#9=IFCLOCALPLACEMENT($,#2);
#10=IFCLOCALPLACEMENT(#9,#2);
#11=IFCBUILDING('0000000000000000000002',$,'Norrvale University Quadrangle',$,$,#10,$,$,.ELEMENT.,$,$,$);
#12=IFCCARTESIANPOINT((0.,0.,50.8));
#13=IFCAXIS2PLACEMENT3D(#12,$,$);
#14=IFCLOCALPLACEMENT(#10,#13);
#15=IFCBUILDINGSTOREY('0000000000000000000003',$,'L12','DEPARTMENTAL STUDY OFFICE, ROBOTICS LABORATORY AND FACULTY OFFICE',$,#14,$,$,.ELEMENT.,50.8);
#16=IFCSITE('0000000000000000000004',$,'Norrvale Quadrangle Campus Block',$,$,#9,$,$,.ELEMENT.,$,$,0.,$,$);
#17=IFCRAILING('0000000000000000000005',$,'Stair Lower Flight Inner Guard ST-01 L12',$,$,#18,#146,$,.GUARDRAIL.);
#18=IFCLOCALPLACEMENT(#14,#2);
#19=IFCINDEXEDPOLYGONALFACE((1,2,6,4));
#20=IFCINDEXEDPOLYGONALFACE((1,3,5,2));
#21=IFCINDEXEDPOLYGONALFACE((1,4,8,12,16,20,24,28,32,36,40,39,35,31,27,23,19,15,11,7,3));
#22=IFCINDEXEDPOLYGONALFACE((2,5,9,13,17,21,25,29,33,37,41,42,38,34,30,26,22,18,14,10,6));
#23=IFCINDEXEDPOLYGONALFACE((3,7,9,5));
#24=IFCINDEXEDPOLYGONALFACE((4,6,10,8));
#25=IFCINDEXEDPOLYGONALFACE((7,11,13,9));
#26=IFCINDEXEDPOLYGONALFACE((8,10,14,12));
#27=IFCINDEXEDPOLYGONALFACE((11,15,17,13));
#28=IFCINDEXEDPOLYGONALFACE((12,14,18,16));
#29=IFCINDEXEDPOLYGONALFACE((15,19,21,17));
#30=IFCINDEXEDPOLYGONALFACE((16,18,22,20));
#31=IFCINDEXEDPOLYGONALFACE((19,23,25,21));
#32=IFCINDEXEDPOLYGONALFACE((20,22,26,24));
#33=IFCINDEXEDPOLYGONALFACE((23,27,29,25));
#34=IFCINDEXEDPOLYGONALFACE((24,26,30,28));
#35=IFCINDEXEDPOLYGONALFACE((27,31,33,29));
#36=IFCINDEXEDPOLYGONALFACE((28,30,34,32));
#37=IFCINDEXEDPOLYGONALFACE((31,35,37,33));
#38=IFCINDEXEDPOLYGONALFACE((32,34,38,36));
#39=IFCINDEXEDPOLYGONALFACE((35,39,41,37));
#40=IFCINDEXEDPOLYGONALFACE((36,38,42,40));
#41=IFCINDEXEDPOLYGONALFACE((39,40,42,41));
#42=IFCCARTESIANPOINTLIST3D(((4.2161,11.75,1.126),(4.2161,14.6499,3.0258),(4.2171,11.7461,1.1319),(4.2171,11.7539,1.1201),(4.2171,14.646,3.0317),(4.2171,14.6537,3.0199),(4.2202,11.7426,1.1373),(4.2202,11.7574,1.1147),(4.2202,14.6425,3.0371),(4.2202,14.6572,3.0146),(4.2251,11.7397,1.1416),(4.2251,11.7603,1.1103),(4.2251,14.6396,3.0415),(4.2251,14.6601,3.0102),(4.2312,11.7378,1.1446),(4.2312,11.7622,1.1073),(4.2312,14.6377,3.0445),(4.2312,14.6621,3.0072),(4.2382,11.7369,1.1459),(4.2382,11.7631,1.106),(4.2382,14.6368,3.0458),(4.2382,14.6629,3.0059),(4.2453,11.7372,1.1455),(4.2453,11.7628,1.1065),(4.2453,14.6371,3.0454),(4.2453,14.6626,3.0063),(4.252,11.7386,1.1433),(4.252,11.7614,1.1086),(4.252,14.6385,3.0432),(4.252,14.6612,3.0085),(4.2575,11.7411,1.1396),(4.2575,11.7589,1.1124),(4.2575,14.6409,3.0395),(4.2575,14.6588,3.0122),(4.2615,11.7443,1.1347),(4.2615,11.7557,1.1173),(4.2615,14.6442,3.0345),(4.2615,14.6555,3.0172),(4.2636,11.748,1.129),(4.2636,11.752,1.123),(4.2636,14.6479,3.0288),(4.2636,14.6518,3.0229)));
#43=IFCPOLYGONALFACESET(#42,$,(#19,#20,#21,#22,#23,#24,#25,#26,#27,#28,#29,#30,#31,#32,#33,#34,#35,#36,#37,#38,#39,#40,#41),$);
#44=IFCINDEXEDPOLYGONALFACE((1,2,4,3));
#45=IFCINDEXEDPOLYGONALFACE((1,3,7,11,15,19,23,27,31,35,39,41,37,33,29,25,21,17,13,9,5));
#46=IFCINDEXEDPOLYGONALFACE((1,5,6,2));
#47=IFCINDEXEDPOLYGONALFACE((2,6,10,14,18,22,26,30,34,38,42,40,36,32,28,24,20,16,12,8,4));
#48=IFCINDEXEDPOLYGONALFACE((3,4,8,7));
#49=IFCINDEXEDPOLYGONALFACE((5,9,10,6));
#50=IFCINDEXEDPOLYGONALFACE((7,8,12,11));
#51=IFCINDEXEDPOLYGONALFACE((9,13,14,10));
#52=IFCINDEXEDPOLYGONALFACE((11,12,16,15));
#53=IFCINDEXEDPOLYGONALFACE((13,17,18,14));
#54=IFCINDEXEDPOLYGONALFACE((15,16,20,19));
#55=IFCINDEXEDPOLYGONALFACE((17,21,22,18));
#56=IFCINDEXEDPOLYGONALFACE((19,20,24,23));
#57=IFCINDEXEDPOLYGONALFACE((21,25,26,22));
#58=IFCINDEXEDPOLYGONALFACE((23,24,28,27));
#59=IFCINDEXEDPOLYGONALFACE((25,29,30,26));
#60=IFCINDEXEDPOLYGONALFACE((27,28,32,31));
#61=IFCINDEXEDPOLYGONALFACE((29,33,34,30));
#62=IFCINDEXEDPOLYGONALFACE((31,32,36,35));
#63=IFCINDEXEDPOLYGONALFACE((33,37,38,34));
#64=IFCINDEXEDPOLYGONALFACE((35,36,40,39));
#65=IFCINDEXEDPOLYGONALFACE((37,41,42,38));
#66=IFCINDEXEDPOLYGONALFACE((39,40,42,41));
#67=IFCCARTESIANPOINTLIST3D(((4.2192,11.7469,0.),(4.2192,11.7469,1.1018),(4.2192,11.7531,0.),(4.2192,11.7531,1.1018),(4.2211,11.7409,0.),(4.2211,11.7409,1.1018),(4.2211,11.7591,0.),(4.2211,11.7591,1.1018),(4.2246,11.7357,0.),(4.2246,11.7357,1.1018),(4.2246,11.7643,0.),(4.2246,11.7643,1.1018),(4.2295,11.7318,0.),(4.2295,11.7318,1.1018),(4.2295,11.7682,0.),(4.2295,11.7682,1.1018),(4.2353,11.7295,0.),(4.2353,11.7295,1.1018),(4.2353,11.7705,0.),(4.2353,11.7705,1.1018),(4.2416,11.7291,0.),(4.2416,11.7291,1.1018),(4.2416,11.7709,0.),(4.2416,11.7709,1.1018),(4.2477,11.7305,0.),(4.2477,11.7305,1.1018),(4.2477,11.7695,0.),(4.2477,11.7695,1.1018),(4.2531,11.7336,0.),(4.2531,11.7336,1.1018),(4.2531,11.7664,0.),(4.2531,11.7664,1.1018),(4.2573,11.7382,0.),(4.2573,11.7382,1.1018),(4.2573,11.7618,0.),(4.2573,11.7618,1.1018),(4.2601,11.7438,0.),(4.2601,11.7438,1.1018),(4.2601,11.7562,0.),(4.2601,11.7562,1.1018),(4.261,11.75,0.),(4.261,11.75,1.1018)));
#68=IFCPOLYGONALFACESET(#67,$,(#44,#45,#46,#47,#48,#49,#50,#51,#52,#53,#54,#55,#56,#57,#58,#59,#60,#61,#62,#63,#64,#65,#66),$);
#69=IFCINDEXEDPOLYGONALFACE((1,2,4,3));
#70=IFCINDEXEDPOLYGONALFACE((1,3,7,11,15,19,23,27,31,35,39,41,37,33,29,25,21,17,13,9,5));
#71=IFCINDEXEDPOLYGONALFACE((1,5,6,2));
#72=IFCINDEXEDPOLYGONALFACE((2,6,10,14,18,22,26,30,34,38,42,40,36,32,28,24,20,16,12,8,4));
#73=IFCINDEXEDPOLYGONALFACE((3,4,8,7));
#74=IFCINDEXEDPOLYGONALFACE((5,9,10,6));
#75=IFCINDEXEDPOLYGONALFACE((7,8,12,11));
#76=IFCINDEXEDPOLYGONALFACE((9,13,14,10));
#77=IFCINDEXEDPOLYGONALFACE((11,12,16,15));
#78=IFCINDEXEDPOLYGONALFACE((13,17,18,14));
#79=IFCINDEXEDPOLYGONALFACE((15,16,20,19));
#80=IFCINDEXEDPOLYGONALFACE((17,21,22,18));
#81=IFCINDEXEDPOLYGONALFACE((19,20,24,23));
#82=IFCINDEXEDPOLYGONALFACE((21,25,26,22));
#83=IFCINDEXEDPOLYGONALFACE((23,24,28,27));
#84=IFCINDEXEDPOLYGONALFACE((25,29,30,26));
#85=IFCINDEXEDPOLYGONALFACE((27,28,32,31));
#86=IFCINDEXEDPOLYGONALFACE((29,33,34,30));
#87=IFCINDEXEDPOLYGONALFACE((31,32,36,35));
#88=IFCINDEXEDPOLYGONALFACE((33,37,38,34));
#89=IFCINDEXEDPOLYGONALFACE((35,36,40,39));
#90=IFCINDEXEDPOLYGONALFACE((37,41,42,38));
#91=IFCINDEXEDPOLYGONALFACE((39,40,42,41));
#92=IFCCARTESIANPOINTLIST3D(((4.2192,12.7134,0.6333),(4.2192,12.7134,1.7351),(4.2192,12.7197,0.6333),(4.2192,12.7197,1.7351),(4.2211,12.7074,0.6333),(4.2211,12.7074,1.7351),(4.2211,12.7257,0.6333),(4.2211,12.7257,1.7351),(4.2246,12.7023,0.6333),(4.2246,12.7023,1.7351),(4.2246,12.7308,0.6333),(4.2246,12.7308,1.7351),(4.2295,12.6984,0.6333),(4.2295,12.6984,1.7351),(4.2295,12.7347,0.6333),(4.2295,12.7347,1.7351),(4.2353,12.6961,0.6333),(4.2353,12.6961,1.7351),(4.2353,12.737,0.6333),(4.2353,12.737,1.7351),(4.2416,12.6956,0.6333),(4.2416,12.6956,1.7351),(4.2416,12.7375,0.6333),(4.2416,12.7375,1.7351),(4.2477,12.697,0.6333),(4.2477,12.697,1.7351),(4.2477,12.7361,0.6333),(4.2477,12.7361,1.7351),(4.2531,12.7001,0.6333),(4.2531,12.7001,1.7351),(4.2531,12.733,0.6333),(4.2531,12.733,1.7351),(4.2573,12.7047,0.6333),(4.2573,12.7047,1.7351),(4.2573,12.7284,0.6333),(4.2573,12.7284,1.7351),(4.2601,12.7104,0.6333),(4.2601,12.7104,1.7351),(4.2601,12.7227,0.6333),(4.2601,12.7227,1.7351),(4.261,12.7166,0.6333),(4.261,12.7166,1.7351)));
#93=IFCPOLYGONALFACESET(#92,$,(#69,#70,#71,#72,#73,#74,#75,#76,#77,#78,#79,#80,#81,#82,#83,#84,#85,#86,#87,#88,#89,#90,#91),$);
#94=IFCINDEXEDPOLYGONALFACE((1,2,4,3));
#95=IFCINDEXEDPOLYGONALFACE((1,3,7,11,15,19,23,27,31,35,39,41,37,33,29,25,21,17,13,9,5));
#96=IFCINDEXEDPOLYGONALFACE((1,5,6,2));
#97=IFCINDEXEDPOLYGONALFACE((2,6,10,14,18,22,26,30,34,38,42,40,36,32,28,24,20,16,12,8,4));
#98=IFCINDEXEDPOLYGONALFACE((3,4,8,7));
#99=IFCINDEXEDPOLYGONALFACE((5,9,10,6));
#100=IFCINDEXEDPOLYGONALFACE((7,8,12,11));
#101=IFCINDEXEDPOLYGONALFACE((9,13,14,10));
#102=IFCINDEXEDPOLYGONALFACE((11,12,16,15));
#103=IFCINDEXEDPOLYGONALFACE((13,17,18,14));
---*---
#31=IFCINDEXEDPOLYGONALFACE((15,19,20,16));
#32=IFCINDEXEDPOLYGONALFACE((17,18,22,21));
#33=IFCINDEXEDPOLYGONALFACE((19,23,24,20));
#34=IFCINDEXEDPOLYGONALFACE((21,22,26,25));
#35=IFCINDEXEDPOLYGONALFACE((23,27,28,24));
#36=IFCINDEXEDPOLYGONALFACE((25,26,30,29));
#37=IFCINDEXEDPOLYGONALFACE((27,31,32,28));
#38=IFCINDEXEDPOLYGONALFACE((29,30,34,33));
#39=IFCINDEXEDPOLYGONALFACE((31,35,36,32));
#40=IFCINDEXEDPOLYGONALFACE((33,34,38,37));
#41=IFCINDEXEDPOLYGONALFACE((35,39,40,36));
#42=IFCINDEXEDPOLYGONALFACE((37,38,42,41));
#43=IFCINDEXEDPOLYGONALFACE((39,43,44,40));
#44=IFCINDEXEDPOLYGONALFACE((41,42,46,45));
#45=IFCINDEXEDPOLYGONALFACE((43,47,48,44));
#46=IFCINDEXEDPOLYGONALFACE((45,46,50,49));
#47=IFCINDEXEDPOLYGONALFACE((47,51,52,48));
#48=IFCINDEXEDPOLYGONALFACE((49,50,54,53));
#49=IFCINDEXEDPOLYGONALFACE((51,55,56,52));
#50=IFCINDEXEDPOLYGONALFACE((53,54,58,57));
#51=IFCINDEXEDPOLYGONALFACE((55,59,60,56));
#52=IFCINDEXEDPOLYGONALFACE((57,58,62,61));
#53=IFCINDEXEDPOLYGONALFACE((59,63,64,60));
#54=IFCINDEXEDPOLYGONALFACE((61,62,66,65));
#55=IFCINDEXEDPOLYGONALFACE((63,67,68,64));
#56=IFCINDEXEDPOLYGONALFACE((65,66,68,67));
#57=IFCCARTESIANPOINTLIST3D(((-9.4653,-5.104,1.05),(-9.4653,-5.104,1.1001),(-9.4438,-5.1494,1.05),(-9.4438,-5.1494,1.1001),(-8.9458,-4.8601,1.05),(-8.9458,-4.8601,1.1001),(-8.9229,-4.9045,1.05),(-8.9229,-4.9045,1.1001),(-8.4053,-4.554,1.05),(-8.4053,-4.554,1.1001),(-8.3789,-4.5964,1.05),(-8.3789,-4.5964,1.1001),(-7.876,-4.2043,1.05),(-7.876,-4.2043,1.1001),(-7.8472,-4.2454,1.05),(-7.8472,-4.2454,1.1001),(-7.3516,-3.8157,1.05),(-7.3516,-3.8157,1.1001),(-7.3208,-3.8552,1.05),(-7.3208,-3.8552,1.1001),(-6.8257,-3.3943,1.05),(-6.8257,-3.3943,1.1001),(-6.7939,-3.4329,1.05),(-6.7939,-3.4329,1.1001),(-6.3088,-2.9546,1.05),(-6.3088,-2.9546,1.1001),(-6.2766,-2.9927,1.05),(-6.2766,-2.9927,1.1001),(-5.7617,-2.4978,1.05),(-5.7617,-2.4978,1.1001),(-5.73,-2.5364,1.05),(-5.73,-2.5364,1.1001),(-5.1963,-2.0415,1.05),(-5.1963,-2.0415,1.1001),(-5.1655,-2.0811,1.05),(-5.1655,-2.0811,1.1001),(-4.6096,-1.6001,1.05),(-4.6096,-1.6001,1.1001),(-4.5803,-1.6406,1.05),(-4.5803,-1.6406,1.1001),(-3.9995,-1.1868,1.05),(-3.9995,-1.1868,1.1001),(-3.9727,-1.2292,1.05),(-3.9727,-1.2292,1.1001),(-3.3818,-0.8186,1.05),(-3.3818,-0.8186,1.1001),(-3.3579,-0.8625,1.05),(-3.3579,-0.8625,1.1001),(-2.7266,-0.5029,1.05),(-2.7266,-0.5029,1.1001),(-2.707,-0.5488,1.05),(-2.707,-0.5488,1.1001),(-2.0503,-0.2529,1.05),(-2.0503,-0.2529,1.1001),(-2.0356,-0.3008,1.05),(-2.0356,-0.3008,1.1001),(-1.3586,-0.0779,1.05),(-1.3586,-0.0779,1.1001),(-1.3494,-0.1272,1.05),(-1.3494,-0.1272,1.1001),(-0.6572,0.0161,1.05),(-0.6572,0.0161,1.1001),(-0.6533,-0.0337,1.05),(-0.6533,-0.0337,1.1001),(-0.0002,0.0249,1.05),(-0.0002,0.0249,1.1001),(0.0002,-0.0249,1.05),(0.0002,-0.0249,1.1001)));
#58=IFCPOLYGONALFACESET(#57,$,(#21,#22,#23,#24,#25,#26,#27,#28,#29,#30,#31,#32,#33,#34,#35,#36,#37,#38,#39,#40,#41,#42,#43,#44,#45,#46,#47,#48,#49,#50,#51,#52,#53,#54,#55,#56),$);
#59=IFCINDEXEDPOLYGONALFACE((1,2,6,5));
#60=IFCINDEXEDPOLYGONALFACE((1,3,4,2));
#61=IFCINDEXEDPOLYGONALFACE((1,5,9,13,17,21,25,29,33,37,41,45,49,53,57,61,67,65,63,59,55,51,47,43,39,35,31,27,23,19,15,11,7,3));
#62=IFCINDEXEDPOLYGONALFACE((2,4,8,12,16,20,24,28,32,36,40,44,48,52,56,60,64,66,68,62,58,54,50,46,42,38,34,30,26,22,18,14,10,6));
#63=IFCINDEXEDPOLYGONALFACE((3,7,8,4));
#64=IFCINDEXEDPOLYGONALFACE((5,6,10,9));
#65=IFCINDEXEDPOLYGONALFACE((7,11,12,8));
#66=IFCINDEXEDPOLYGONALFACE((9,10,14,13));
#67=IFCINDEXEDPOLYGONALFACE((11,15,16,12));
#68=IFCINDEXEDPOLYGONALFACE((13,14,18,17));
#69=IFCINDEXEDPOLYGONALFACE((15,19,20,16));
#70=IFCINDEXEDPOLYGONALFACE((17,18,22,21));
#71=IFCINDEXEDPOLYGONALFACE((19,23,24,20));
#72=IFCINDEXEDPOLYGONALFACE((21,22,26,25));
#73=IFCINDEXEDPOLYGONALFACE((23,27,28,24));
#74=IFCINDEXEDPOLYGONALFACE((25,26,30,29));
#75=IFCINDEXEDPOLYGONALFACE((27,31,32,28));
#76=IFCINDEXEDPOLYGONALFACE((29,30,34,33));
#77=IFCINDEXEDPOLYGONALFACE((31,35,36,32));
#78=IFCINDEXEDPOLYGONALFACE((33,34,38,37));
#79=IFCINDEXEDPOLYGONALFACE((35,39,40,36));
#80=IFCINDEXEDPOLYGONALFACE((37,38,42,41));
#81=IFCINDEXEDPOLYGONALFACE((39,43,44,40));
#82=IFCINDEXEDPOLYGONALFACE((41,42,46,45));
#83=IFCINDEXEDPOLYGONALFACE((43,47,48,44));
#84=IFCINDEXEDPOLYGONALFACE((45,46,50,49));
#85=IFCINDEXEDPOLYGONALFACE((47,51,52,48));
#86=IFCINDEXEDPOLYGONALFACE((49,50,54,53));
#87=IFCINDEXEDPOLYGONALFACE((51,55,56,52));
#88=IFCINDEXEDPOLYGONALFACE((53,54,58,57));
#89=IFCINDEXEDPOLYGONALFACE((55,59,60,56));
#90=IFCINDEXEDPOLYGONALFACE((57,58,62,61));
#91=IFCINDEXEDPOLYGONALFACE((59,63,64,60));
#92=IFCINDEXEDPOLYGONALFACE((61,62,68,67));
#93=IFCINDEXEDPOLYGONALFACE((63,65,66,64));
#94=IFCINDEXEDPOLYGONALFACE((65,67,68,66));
---*---
* **Description of the task**:
Only a number is wanted here: the count of lines in the data that contain the string "IFCLOCALPLACEMENT".

* **Answer to the problem**:
4